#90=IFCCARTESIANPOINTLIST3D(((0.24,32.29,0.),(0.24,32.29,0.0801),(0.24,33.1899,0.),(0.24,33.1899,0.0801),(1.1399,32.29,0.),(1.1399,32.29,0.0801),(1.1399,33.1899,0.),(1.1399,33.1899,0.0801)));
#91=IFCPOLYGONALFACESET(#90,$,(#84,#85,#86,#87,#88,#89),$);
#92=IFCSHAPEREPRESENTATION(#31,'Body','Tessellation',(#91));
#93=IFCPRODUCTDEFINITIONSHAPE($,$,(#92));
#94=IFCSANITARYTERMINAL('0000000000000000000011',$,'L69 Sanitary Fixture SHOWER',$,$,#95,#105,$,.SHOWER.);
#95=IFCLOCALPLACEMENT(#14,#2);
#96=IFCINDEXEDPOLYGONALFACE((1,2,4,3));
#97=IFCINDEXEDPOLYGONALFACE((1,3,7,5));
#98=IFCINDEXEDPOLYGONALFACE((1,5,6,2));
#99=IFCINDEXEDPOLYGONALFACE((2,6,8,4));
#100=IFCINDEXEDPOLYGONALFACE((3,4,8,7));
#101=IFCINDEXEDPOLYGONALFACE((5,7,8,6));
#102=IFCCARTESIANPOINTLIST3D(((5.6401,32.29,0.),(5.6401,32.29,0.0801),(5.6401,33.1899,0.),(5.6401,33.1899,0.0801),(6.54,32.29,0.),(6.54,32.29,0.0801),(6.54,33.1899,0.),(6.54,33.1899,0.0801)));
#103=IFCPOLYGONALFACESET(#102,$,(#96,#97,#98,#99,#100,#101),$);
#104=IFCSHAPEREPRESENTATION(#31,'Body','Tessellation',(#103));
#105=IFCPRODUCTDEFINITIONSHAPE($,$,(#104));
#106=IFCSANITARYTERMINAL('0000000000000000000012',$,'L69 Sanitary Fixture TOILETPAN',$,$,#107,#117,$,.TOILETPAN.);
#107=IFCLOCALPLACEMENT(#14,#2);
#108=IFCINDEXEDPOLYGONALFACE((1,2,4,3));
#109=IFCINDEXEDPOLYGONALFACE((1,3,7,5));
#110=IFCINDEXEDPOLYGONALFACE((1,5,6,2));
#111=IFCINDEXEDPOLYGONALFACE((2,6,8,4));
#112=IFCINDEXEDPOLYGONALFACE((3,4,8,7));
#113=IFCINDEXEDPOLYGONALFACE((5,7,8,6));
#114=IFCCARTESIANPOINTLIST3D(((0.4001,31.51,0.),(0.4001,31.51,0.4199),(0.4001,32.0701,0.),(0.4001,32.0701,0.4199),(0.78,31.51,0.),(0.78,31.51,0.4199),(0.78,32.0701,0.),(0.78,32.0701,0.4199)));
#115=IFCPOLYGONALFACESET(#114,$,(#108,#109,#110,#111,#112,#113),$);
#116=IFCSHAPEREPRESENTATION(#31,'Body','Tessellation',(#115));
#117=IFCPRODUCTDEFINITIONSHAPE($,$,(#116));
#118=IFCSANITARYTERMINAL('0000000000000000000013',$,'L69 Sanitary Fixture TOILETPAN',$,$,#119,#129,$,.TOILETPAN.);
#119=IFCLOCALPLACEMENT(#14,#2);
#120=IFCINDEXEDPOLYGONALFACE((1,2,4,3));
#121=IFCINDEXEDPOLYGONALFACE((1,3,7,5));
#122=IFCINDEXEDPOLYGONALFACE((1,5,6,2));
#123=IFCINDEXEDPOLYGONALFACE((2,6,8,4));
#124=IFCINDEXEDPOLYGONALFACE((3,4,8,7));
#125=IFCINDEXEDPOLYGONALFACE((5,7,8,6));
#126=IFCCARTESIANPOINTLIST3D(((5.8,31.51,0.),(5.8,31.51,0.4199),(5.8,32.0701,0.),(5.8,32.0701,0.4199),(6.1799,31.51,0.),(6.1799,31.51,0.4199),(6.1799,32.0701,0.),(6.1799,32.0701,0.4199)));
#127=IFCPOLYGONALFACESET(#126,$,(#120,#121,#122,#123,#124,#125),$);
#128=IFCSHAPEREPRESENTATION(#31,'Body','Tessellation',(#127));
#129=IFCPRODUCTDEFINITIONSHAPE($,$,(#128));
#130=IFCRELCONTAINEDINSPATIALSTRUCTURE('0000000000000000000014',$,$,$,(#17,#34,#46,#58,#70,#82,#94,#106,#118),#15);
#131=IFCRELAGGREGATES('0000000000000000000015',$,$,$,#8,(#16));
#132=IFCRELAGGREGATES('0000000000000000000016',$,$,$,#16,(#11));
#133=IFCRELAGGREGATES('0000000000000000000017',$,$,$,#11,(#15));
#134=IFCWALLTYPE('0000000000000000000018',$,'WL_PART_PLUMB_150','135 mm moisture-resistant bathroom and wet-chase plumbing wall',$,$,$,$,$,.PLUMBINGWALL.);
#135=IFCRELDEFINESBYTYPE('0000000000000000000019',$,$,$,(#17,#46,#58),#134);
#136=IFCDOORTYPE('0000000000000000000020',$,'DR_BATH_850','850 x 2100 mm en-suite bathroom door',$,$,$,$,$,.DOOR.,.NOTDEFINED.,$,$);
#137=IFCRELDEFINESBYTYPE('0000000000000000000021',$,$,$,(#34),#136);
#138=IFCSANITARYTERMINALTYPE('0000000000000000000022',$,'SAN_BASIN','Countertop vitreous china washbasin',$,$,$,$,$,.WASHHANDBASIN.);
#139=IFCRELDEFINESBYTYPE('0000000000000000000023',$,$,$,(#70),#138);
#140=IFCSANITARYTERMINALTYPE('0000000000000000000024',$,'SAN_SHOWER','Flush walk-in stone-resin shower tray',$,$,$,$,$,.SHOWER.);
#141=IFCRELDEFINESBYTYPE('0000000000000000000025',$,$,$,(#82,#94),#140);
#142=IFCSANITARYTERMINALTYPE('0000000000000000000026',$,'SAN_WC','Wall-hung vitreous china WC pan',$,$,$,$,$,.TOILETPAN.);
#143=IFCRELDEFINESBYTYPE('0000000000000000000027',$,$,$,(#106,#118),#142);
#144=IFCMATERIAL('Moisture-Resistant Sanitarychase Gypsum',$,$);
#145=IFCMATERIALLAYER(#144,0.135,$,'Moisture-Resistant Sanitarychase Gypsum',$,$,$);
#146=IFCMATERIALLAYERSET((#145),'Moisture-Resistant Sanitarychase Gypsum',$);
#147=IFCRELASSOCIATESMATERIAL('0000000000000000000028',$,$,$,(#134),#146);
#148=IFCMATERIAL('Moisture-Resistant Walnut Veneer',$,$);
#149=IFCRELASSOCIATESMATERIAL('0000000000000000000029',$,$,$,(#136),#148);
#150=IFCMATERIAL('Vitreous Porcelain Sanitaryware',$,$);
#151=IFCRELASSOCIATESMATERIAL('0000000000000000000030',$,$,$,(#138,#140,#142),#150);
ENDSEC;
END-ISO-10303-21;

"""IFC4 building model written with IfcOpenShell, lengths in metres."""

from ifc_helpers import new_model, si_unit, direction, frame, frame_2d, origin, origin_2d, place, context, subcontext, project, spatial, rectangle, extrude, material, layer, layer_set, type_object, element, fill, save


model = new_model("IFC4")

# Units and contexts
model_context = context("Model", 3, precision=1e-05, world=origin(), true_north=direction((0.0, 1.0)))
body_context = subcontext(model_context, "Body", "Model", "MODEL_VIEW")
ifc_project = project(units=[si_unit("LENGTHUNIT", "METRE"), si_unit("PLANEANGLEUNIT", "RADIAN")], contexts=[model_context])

--

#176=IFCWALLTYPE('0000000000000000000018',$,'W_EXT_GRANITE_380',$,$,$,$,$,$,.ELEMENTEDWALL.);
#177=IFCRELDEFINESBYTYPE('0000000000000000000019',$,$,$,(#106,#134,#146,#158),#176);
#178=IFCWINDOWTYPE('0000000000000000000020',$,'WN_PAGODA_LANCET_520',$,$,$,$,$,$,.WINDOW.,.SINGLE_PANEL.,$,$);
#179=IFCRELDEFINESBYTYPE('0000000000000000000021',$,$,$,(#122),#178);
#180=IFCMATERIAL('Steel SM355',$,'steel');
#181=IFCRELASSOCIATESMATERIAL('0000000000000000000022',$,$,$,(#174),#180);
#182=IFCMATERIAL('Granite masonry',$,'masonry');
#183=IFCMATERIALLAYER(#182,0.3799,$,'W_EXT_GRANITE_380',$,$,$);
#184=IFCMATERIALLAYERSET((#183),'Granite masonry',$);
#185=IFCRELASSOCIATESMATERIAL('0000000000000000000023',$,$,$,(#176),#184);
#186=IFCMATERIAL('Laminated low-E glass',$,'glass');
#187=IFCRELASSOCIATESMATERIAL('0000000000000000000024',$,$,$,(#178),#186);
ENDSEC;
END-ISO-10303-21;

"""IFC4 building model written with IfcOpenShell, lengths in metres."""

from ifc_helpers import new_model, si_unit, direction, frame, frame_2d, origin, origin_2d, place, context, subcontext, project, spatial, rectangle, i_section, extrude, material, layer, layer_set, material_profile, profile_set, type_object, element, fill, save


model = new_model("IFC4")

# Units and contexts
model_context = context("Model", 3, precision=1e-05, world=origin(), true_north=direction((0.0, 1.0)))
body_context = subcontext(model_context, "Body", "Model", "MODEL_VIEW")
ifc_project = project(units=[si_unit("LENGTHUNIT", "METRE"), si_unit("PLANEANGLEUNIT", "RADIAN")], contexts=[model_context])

--

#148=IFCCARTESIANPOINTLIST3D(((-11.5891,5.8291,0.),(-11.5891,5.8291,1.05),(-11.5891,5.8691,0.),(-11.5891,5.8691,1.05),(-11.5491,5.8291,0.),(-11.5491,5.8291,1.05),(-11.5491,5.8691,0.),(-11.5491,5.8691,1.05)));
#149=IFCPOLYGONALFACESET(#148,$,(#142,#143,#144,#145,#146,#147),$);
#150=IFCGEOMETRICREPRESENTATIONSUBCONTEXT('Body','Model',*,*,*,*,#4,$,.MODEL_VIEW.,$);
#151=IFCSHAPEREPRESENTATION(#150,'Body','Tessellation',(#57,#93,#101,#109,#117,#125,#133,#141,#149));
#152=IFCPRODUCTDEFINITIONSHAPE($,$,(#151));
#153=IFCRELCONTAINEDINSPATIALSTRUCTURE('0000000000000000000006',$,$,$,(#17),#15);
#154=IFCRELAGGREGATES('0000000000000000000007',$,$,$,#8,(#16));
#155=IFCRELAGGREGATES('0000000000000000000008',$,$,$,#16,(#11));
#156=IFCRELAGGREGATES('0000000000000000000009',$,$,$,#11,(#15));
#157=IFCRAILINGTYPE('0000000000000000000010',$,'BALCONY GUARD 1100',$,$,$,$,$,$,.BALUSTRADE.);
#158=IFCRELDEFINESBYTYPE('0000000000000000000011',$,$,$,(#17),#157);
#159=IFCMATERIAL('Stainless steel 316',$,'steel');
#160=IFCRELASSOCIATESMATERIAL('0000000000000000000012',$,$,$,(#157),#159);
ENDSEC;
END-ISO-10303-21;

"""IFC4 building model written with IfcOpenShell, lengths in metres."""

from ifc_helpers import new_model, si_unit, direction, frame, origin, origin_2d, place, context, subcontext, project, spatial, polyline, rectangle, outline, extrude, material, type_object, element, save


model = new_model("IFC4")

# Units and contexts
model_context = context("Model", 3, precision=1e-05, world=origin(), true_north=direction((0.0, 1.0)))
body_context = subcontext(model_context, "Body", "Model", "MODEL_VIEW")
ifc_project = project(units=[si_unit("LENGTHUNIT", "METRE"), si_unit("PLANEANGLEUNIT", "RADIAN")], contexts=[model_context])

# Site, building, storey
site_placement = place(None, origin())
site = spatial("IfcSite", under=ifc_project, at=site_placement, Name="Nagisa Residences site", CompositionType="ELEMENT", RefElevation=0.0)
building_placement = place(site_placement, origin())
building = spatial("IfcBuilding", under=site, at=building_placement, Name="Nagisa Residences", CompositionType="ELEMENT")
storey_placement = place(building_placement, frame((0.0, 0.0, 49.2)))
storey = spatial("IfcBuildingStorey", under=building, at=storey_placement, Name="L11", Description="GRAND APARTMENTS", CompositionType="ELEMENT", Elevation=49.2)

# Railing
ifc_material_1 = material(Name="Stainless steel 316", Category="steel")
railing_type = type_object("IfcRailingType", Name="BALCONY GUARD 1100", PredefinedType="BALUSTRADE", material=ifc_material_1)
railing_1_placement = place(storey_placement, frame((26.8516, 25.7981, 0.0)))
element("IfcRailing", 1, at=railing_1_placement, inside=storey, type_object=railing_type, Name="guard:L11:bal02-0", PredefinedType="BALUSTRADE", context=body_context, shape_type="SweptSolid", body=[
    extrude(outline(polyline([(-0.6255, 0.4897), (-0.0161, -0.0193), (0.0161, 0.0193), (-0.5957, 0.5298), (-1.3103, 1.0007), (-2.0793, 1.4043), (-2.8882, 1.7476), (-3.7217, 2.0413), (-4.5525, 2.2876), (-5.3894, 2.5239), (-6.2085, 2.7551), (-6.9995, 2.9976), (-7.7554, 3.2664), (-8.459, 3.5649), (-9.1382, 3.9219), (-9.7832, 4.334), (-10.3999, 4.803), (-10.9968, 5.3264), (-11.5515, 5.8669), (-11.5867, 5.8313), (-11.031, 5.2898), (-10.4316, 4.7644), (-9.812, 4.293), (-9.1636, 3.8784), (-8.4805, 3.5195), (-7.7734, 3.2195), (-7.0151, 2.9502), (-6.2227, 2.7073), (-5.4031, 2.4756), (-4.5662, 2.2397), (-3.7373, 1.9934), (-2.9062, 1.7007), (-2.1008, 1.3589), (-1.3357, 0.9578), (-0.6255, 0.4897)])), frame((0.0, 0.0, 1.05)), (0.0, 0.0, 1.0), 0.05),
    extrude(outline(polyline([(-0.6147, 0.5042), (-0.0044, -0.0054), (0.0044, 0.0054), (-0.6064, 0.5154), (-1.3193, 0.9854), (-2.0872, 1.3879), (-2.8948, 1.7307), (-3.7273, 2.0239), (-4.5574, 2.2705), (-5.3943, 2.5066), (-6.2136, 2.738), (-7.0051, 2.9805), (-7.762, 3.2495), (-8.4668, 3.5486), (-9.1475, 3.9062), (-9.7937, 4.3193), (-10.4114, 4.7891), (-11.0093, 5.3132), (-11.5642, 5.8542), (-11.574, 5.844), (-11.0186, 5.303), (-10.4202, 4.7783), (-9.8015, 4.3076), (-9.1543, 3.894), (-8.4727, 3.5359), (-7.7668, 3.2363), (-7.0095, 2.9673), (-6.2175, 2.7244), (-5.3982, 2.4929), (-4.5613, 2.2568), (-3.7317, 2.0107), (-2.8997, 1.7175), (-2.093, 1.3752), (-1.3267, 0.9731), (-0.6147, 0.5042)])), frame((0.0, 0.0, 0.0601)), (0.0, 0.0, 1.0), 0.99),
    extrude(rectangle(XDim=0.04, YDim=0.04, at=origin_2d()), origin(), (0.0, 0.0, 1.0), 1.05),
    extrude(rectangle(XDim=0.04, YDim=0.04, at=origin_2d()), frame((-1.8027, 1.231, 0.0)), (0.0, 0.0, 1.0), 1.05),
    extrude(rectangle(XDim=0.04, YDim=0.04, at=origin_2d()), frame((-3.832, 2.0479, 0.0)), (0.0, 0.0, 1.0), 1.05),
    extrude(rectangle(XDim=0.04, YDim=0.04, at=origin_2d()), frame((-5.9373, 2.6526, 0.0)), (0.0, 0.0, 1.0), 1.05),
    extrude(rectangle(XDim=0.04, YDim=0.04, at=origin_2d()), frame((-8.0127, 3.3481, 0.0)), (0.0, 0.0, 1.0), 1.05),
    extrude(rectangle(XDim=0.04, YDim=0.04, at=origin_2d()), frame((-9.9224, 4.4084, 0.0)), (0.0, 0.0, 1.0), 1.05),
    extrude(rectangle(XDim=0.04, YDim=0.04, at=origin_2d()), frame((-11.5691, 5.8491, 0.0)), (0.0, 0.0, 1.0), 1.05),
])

THE TASK - Lines above with "Sanitarychase" in them are the ones to copy.

RESPONSE BOX -
#144=IFCMATERIAL('Moisture-Resistant Sanitarychase Gypsum',$,$);
#145=IFCMATERIALLAYER(#144,0.135,$,'Moisture-Resistant Sanitarychase Gypsum',$,$,$);
#146=IFCMATERIALLAYERSET((#145),'Moisture-Resistant Sanitarychase Gypsum',$);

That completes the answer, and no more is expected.